The task: All lines in the data bearing the string "IFCPRODUCTDEFINITIONSHAPE" should be identified and copied.

++++ Working data ++++

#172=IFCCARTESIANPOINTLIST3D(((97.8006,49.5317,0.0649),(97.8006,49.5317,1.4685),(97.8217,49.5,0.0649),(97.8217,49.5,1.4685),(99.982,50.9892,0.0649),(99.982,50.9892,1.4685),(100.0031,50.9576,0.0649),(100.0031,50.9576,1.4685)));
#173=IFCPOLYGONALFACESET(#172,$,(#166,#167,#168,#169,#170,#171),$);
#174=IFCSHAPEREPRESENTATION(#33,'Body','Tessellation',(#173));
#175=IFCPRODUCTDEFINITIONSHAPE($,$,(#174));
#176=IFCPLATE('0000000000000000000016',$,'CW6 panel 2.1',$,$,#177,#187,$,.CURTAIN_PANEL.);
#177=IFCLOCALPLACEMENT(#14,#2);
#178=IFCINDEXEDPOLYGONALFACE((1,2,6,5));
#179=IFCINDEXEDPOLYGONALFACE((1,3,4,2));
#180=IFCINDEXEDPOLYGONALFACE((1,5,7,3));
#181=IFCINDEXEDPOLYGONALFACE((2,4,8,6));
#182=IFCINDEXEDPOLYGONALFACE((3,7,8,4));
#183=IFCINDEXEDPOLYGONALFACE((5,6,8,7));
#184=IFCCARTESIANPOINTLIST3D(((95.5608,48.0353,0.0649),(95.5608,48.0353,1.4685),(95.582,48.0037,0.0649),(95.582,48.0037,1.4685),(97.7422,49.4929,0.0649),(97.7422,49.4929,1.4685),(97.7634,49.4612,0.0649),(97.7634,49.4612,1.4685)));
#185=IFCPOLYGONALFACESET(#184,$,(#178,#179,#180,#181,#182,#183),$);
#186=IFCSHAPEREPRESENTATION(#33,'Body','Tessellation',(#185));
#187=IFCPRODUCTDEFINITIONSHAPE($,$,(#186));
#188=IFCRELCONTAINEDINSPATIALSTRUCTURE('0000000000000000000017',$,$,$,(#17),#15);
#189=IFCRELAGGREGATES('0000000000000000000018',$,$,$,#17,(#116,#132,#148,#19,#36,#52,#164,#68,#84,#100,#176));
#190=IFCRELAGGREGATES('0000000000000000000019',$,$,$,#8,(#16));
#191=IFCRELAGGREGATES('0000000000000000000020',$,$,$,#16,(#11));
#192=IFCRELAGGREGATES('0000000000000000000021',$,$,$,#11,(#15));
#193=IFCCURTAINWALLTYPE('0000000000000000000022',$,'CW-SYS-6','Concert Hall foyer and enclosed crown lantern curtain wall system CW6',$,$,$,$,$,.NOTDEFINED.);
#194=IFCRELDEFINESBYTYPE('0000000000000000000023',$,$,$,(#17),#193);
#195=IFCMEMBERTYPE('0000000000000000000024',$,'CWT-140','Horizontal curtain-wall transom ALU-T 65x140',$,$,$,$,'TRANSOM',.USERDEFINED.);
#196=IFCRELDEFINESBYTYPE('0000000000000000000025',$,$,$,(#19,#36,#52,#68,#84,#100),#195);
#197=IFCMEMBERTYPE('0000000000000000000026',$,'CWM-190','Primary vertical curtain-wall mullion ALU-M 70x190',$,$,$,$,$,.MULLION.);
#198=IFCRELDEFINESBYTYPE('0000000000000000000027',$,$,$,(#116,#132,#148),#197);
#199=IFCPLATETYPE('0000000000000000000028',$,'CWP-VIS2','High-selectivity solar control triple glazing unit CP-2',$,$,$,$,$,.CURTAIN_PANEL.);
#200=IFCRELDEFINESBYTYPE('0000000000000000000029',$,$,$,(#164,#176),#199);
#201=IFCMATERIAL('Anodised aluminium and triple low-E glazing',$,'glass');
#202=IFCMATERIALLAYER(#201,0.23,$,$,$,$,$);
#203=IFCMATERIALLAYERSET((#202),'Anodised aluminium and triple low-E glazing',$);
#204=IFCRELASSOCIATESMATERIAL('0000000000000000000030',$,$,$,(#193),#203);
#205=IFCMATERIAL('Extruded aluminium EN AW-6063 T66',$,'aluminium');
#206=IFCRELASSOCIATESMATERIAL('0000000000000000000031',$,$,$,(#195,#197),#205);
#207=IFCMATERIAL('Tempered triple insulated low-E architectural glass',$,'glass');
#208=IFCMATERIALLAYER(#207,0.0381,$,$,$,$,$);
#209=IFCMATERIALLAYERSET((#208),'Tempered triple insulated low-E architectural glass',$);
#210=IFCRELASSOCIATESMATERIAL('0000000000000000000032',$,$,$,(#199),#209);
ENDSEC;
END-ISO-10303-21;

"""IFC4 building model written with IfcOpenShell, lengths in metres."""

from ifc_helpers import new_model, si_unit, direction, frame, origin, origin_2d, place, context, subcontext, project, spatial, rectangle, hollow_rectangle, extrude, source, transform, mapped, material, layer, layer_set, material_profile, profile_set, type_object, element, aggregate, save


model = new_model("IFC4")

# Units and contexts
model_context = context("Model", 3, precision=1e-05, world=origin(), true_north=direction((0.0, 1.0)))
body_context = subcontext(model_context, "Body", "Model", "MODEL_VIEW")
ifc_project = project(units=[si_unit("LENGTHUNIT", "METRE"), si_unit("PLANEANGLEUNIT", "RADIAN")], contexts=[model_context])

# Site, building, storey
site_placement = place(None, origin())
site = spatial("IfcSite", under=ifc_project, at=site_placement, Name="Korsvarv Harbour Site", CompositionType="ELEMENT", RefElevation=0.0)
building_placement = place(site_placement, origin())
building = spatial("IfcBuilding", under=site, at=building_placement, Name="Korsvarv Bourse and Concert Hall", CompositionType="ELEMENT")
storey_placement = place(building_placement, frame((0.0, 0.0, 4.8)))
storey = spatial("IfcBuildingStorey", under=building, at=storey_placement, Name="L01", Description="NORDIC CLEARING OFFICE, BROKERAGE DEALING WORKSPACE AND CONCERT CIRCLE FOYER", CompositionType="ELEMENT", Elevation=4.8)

++++

Expected output:
#175=IFCPRODUCTDEFINITIONSHAPE($,$,(#174));
#187=IFCPRODUCTDEFINITIONSHAPE($,$,(#186));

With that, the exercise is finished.